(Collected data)
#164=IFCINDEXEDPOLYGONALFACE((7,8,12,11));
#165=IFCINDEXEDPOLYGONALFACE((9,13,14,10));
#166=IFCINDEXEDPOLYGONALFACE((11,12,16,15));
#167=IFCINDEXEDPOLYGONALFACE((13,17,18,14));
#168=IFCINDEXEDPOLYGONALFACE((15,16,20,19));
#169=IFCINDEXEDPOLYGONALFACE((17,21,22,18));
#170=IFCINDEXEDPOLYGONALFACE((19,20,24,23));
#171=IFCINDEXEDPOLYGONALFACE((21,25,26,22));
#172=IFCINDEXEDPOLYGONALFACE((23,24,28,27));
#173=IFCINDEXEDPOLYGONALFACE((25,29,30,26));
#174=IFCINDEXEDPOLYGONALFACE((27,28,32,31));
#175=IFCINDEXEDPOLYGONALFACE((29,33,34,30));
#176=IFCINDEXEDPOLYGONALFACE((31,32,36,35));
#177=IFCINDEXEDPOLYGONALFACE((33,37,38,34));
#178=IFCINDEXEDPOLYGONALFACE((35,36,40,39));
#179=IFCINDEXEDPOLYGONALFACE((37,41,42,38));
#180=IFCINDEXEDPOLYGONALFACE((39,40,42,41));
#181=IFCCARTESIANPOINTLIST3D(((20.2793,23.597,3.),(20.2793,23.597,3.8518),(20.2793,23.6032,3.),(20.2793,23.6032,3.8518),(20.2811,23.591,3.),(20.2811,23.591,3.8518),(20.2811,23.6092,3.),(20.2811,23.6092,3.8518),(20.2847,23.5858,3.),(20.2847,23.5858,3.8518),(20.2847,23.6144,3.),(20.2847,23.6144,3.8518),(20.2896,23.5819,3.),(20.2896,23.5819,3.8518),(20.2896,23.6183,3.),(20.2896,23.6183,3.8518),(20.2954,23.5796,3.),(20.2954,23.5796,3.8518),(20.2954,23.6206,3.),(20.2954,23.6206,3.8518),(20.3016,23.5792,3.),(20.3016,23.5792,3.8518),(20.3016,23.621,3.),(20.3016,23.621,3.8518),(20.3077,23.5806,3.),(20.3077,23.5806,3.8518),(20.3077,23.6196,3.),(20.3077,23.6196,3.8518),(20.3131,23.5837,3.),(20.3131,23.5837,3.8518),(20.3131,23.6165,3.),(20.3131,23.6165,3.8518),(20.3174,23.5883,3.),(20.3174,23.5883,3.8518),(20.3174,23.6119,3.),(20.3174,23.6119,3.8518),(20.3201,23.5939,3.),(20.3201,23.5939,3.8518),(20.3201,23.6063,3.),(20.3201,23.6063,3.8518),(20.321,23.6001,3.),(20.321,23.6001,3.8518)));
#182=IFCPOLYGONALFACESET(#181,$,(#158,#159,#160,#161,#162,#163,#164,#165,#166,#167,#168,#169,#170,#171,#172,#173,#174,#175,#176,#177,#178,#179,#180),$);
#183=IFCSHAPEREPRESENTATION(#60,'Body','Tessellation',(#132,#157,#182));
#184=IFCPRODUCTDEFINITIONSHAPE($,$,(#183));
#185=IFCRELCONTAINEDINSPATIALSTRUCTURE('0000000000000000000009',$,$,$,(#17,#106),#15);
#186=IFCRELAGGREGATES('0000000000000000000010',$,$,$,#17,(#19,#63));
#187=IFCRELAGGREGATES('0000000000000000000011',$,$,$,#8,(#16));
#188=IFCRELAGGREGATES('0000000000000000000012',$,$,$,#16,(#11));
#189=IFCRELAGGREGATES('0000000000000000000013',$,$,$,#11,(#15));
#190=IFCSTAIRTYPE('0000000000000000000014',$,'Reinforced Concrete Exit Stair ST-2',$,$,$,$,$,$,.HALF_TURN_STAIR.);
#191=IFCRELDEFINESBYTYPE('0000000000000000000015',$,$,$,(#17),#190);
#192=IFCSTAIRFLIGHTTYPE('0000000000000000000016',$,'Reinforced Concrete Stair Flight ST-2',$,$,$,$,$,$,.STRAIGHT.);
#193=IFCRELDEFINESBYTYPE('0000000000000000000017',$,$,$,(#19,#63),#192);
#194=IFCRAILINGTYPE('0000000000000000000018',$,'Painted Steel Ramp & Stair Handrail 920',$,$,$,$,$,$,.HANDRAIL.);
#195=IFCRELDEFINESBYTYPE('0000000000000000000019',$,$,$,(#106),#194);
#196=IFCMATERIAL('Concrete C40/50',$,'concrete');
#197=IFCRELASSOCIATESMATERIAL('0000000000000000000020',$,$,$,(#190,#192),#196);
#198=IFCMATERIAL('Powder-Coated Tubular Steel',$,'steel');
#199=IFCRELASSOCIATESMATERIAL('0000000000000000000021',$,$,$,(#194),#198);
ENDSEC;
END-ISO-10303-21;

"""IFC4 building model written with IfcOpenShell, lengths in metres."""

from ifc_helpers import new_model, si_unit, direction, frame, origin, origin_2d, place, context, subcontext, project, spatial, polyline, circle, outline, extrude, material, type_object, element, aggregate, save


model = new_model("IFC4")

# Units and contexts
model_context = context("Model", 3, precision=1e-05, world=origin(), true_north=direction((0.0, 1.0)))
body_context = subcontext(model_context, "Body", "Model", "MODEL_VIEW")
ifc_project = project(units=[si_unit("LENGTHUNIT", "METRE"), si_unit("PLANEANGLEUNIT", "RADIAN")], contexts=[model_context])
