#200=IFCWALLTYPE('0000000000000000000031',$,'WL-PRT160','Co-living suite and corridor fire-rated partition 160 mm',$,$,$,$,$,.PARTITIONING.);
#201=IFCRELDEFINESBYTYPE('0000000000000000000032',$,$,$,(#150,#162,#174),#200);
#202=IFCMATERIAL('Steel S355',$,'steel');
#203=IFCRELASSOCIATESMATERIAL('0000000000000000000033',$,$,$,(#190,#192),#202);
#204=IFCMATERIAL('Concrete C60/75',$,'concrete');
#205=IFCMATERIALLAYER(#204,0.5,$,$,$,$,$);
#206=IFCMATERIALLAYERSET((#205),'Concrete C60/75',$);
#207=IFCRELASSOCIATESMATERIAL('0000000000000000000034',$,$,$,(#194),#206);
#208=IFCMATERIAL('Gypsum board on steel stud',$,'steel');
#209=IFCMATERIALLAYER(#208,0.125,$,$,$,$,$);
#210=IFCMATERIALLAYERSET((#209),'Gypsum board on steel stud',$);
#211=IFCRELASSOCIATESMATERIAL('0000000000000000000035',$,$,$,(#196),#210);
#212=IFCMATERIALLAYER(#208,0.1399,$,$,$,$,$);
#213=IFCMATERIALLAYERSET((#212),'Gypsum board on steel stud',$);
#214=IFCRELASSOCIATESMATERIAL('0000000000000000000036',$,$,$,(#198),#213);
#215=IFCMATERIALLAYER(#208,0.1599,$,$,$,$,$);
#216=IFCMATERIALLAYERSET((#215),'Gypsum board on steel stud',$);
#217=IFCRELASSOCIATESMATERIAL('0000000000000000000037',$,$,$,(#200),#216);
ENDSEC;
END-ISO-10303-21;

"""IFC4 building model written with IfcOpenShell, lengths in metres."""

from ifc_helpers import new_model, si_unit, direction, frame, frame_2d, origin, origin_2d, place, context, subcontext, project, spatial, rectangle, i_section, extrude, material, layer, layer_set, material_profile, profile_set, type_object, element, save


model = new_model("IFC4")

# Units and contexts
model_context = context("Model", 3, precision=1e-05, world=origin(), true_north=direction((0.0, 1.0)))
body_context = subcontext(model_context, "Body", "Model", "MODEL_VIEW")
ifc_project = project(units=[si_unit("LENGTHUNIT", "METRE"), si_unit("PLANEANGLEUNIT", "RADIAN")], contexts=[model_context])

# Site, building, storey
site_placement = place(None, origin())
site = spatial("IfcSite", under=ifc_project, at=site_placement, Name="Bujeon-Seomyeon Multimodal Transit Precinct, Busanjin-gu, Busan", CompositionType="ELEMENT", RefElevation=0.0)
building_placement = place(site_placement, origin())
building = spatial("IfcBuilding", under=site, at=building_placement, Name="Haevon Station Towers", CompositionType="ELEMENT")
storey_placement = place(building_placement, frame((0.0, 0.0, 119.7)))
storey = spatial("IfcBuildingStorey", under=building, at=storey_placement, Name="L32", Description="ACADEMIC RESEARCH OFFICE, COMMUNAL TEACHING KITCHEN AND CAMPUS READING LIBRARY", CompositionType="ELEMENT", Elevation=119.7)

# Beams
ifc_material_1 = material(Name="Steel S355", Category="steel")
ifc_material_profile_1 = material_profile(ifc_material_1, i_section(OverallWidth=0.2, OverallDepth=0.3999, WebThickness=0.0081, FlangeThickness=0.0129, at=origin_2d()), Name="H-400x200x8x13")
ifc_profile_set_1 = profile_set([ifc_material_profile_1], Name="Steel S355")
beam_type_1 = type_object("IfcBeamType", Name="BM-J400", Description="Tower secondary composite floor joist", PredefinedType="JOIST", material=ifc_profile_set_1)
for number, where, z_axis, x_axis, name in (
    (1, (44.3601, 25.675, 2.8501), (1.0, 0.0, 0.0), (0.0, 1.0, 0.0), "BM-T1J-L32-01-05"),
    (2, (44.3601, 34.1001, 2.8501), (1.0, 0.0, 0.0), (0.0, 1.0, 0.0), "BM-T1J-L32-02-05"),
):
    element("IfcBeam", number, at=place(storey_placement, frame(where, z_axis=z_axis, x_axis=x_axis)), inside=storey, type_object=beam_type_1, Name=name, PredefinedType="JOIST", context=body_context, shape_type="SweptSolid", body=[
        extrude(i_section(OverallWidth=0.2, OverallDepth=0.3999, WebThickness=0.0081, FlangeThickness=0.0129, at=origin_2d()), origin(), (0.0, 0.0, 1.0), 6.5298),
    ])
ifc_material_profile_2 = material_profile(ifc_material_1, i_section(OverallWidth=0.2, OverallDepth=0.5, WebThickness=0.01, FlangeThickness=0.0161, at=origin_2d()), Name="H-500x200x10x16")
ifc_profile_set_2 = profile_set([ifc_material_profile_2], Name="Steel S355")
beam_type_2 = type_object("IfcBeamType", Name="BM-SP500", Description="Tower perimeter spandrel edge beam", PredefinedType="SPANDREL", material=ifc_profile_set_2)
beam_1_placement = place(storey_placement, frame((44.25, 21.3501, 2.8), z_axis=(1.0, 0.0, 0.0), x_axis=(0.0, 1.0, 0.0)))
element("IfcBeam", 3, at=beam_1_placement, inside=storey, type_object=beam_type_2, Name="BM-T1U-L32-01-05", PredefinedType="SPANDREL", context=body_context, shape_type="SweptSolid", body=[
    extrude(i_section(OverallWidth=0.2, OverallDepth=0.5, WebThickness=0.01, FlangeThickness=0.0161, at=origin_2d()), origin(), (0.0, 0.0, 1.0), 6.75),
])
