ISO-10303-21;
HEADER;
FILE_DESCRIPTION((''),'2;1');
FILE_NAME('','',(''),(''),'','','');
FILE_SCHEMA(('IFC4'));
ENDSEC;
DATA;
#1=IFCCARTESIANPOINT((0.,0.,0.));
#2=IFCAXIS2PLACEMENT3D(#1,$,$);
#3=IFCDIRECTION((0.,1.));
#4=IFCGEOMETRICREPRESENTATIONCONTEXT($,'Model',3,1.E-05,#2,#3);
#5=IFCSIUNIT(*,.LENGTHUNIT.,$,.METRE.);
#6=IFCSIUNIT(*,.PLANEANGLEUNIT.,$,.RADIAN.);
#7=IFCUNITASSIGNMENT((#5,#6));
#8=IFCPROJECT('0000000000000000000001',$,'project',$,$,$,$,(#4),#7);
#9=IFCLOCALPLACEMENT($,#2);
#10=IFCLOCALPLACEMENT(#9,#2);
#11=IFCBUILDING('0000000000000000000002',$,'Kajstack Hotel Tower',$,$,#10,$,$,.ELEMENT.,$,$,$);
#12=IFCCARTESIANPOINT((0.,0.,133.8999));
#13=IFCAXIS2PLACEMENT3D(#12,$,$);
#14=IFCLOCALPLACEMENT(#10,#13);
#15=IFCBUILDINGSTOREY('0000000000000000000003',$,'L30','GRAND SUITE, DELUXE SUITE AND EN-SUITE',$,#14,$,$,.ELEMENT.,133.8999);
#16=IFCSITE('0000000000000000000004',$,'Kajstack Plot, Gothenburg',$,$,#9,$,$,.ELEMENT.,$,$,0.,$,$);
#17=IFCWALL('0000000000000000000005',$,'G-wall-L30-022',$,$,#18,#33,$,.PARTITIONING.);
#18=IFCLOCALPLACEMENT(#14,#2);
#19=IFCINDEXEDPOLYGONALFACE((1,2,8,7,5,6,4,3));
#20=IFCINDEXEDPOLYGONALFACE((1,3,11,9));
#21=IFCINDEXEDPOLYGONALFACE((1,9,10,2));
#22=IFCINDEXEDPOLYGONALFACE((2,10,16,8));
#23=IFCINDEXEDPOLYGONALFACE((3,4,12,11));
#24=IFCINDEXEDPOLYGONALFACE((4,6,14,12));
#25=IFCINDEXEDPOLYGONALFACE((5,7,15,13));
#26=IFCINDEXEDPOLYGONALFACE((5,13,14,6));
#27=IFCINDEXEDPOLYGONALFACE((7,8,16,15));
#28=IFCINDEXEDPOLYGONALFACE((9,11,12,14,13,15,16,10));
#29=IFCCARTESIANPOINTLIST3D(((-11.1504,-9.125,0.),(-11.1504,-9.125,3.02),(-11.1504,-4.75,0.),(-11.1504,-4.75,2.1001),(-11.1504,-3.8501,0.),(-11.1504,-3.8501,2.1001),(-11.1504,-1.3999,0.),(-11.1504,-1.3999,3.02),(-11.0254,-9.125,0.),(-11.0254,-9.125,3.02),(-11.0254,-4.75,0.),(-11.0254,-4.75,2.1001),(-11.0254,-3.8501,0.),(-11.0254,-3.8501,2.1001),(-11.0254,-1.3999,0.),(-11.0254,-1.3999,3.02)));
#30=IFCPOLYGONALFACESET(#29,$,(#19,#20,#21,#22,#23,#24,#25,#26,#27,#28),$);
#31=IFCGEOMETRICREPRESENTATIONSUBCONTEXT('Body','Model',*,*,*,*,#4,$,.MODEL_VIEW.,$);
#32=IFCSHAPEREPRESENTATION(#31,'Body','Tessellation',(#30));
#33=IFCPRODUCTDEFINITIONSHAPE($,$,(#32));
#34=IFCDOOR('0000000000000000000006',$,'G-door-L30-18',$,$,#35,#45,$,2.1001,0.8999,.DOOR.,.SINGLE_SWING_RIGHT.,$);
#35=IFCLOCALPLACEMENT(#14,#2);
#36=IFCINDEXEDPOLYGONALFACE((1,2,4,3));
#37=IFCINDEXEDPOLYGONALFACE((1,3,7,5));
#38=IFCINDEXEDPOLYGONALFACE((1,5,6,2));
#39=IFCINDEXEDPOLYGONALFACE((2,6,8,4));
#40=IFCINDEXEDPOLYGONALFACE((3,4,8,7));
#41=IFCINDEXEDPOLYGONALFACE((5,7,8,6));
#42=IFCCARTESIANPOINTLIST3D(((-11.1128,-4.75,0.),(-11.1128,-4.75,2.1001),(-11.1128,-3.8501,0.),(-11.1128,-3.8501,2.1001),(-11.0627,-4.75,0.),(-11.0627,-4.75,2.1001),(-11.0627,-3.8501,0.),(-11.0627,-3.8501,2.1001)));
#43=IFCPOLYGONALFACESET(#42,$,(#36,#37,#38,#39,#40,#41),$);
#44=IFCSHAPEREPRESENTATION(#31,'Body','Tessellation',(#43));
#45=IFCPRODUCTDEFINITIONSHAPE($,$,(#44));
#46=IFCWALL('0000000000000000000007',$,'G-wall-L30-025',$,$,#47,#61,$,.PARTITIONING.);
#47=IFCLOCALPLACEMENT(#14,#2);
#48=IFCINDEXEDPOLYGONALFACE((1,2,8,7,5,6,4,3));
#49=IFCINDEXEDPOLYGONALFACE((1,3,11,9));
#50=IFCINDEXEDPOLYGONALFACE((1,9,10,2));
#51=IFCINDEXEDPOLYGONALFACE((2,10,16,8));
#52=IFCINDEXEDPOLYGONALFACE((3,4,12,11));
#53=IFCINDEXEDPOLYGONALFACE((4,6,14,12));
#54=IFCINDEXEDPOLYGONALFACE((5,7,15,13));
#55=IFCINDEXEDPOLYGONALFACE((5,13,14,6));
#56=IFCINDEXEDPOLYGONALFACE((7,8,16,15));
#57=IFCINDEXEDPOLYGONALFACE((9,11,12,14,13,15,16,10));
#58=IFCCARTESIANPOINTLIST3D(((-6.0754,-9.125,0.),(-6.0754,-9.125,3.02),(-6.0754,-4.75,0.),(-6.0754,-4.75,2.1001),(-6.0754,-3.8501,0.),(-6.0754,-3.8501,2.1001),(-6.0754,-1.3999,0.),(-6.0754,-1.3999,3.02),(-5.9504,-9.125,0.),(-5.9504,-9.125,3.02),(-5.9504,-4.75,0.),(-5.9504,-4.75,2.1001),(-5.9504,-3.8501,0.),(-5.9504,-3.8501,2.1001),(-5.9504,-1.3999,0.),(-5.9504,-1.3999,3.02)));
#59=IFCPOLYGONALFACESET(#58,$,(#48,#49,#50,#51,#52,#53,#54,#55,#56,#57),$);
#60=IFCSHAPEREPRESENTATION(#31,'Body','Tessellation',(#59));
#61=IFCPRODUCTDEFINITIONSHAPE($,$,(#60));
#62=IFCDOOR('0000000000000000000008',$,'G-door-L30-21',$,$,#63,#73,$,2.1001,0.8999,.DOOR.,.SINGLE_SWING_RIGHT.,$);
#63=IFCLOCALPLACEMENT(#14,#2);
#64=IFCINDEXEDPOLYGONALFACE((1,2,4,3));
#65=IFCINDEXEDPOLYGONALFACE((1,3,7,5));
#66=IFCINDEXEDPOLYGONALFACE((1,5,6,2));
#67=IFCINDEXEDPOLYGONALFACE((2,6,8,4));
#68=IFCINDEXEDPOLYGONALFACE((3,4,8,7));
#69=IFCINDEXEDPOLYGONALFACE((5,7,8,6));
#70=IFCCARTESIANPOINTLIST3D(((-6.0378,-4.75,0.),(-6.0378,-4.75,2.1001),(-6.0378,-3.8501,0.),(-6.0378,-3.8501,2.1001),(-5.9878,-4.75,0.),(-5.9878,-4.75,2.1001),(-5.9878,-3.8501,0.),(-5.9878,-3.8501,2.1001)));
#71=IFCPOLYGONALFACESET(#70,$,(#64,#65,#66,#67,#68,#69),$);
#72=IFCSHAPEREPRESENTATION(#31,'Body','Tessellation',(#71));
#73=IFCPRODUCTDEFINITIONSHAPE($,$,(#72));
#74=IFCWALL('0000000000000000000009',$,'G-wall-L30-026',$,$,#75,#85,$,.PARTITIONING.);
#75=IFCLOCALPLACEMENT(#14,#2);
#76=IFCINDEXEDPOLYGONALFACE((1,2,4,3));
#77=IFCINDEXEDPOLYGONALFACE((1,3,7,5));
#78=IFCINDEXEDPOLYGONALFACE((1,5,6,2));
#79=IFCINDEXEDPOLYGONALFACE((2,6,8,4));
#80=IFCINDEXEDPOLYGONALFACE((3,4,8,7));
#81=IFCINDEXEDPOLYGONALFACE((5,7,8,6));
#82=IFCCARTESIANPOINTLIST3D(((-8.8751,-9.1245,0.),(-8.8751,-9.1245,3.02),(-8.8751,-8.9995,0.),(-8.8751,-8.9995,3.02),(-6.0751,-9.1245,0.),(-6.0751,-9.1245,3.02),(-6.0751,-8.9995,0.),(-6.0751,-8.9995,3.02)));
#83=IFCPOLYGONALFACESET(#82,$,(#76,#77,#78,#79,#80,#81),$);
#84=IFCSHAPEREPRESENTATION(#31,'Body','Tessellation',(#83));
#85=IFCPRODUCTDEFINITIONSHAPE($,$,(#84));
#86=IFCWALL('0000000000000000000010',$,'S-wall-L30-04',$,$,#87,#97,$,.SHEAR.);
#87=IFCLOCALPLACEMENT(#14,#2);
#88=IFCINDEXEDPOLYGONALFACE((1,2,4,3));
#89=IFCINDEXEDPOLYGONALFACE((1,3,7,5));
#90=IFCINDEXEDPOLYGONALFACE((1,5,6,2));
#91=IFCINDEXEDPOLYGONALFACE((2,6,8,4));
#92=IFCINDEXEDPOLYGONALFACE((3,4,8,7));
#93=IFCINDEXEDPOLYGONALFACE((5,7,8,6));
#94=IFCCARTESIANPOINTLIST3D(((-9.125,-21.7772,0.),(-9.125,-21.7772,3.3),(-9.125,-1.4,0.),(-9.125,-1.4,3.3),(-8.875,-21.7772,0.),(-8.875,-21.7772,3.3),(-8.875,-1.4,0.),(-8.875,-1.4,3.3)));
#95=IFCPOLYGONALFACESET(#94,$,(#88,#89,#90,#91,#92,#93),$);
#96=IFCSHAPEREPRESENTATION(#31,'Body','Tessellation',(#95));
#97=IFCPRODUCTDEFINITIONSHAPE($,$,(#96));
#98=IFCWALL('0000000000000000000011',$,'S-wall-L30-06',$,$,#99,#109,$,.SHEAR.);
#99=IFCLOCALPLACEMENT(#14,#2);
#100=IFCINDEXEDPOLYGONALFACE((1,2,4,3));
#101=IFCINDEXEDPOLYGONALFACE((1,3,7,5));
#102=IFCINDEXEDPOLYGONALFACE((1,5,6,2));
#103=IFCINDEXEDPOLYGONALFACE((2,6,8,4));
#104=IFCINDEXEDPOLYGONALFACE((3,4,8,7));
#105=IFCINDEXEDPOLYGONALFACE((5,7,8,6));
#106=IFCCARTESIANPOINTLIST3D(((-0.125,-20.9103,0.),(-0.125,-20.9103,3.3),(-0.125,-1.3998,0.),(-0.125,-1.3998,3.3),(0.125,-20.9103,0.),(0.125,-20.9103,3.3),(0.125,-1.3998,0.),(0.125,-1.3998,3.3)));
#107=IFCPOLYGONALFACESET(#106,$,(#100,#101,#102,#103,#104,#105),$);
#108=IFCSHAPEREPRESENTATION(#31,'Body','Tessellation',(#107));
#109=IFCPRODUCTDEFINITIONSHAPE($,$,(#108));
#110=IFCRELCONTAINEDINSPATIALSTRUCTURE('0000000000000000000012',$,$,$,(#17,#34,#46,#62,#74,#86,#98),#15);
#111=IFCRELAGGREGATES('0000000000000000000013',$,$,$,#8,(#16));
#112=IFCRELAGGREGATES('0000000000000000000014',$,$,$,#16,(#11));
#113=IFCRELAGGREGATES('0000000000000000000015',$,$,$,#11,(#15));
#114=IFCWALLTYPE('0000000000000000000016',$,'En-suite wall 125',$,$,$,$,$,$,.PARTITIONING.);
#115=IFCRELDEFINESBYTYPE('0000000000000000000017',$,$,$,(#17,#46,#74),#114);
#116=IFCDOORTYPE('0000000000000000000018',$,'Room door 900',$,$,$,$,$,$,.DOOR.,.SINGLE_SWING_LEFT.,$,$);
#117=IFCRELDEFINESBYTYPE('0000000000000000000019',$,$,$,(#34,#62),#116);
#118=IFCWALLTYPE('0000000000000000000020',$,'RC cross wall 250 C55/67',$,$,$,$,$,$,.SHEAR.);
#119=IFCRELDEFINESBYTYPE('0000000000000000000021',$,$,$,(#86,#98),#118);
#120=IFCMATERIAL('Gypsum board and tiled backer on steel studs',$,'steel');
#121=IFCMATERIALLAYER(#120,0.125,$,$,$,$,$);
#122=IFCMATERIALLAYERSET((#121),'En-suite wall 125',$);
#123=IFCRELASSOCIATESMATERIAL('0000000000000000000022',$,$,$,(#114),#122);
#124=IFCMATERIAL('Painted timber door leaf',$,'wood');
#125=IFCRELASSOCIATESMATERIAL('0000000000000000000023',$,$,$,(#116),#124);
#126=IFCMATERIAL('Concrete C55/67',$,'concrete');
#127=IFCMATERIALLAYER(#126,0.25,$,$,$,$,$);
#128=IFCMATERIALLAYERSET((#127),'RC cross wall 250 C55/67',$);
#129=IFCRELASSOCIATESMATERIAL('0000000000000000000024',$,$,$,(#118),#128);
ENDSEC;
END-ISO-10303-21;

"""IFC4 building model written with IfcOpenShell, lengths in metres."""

from ifc_helpers import new_model, si_unit, direction, frame, frame_2d, origin, place, context, subcontext, project, spatial, rectangle, extrude, material, layer, layer_set, type_object, element, fill, save


model = new_model("IFC4")

# Units and contexts
model_context = context("Model", 3, precision=1e-05, world=origin(), true_north=direction((0.0, 1.0)))
body_context = subcontext(model_context, "Body", "Model", "MODEL_VIEW")
ifc_project = project(units=[si_unit("LENGTHUNIT", "METRE"), si_unit("PLANEANGLEUNIT", "RADIAN")], contexts=[model_context])

# Site, building, storey
site_placement = place(None, origin())
site = spatial("IfcSite", under=ifc_project, at=site_placement, Name="Kajstack Plot, Gothenburg", CompositionType="ELEMENT", RefElevation=0.0)
building_placement = place(site_placement, origin())
building = spatial("IfcBuilding", under=site, at=building_placement, Name="Kajstack Hotel Tower", CompositionType="ELEMENT")
storey_placement = place(building_placement, frame((0.0, 0.0, 133.8999)))
storey = spatial("IfcBuildingStorey", under=building, at=storey_placement, Name="L30", Description="GRAND SUITE, DELUXE SUITE AND EN-SUITE", CompositionType="ELEMENT", Elevation=133.8999)

# Walls, openings, doors
ifc_material_1 = material(Name="Gypsum board and tiled backer on steel studs", Category="steel")
ifc_layer_1 = layer(ifc_material_1, 0.125)
ifc_layer_set_1 = layer_set([ifc_layer_1], Name="En-suite wall 125")
wall_type_1 = type_object("IfcWallType", Name="En-suite wall 125", PredefinedType="PARTITIONING", material=ifc_layer_set_1)
wall_1_placement = place(storey_placement, frame((-11.0879, -9.125, 0.0), z_axis=(0.0, 0.0, 1.0), x_axis=(0.0, 1.0, 0.0)))
wall_1 = element("IfcWall", 1, at=wall_1_placement, inside=storey, type_object=wall_type_1, Name="G-wall-L30-022", PredefinedType="PARTITIONING", context=body_context, shape_type="SweptSolid", body=[
    extrude(rectangle(XDim=7.7251, YDim=0.125, at=frame_2d((3.8625, 0.0))), origin(), (0.0, 0.0, 1.0), 3.02),
])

*Exercise prompt:* Write out exactly the lines above between the line with "#175=IFCINDEXEDPOLYGONALFACE((29,33,34,30));" and the line with "#180=IFCINDEXEDPOLYGONALFACE((39,40,42,41));", inclusive, and nothing beyond them.

*Solution to the exercise:*
#175=IFCINDEXEDPOLYGONALFACE((29,33,34,30));
#176=IFCINDEXEDPOLYGONALFACE((31,32,36,35));
#177=IFCINDEXEDPOLYGONALFACE((33,37,38,34));
#178=IFCINDEXEDPOLYGONALFACE((35,36,40,39));
#179=IFCINDEXEDPOLYGONALFACE((37,41,42,38));
#180=IFCINDEXEDPOLYGONALFACE((39,40,42,41));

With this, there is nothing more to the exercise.